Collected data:
* * * * * * *
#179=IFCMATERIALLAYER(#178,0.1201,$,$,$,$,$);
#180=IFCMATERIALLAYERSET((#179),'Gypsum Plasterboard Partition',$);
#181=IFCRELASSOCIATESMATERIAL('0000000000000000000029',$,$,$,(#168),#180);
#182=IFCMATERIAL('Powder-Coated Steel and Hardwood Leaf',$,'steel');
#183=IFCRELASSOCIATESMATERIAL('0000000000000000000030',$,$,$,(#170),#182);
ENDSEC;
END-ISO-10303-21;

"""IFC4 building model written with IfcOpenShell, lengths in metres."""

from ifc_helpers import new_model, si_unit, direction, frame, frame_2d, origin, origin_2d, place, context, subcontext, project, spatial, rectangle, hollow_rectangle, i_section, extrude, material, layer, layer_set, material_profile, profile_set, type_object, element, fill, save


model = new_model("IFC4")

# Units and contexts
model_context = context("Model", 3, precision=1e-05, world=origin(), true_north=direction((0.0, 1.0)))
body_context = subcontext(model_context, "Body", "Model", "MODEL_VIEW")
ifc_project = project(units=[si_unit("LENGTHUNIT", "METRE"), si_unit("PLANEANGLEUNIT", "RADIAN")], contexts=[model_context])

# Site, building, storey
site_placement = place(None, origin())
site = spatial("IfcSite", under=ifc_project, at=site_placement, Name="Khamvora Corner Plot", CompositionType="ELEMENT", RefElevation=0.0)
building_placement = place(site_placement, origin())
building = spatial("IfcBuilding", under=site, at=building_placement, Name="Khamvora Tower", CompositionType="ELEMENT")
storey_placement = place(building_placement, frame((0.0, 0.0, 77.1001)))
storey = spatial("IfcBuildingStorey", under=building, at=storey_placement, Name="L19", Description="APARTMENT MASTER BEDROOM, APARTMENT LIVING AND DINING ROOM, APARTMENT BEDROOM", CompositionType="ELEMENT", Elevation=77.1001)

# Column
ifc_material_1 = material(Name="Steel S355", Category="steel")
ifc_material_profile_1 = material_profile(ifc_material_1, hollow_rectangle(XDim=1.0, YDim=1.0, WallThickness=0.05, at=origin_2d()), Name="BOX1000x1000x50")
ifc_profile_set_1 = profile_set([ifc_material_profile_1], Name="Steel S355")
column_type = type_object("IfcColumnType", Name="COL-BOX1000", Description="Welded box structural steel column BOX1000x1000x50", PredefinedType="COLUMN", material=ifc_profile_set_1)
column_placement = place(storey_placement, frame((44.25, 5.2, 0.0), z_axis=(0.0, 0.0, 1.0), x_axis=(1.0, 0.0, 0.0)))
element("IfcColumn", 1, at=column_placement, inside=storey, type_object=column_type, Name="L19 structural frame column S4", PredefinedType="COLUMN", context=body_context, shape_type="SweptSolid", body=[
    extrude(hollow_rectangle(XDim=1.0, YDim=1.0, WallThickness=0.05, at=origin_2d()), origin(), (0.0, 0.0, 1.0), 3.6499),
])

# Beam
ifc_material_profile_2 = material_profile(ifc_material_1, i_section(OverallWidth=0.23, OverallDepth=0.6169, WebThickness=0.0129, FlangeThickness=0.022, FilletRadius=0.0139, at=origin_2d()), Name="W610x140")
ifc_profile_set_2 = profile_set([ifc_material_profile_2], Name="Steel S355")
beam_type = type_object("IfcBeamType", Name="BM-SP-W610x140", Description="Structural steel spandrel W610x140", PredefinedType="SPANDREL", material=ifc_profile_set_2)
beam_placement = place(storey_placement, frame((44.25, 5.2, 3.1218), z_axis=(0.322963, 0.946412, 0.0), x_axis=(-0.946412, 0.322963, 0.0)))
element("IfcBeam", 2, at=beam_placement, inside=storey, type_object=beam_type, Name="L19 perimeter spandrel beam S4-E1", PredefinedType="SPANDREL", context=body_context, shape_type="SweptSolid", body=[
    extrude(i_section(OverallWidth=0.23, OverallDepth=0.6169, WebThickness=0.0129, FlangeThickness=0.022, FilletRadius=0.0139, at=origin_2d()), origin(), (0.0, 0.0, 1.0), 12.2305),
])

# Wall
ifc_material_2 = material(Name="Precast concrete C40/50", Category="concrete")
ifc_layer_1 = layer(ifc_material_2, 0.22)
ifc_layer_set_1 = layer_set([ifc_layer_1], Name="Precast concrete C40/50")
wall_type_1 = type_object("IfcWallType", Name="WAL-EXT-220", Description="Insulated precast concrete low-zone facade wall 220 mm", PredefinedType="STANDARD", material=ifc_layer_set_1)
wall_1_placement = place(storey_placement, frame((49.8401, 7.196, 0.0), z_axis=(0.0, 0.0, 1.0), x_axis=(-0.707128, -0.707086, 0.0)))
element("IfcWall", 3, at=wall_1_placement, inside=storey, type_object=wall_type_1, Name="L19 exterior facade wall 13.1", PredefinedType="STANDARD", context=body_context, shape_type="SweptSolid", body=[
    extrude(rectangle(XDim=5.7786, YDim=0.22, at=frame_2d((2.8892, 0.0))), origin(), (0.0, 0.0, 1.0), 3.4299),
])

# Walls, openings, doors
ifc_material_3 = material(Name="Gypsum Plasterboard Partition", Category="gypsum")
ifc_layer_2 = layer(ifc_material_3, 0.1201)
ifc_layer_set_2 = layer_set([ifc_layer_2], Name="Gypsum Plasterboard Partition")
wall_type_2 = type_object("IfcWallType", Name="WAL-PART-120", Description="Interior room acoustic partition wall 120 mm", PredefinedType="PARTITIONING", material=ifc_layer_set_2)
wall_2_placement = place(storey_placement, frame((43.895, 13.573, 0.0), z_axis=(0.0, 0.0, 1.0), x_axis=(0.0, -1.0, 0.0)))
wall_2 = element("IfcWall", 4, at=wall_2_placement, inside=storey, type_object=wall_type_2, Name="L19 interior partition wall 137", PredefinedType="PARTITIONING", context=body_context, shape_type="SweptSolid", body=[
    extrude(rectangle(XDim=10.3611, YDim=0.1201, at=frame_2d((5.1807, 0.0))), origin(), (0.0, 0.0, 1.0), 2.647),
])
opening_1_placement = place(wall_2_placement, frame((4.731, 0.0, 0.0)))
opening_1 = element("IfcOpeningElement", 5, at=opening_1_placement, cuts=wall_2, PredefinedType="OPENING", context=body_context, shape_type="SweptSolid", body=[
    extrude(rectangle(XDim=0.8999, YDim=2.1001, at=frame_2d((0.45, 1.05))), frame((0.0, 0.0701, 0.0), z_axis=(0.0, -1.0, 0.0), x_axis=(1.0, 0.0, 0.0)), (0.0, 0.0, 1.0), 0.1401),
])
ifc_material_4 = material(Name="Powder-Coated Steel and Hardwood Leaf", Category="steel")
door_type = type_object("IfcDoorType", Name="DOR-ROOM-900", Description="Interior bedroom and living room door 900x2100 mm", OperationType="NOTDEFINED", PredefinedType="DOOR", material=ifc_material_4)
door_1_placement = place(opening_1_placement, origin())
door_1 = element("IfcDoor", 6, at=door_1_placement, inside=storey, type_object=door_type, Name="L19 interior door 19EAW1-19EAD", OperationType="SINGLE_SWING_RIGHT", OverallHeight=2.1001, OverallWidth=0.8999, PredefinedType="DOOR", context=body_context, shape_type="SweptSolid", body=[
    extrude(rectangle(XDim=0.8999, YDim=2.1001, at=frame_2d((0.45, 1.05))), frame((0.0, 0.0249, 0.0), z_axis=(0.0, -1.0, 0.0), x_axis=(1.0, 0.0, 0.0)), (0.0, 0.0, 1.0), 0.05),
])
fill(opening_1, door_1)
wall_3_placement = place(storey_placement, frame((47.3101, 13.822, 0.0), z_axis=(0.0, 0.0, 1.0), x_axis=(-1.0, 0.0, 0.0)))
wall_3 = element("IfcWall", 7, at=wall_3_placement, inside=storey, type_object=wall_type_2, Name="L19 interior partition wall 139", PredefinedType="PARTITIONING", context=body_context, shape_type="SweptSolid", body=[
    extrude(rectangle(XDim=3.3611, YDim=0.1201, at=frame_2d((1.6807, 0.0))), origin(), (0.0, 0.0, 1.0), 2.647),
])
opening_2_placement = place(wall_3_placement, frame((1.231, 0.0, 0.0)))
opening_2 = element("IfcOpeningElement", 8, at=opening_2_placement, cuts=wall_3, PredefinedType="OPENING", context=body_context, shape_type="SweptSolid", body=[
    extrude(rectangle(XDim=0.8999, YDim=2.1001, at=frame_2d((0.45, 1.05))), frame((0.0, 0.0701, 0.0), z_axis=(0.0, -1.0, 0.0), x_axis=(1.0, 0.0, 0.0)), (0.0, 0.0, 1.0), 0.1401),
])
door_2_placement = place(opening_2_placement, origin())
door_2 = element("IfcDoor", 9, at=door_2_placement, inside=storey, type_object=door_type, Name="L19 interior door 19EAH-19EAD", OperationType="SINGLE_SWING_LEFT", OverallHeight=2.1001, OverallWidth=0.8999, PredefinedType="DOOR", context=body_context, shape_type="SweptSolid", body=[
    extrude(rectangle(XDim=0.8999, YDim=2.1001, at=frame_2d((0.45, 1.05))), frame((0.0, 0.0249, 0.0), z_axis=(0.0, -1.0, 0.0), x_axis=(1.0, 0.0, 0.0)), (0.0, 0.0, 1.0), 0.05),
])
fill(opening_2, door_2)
* * * * * * *
Exercise:
Each line in the data that holds the word "concrete" must be copied.

Response to this task:
ifc_material_2 = material(Name="Precast concrete C40/50", Category="concrete")
ifc_layer_set_1 = layer_set([ifc_layer_1], Name="Precast concrete C40/50")
wall_type_1 = type_object("IfcWallType", Name="WAL-EXT-220", Description="Insulated precast concrete low-zone facade wall 220 mm", PredefinedType="STANDARD", material=ifc_layer_set_1)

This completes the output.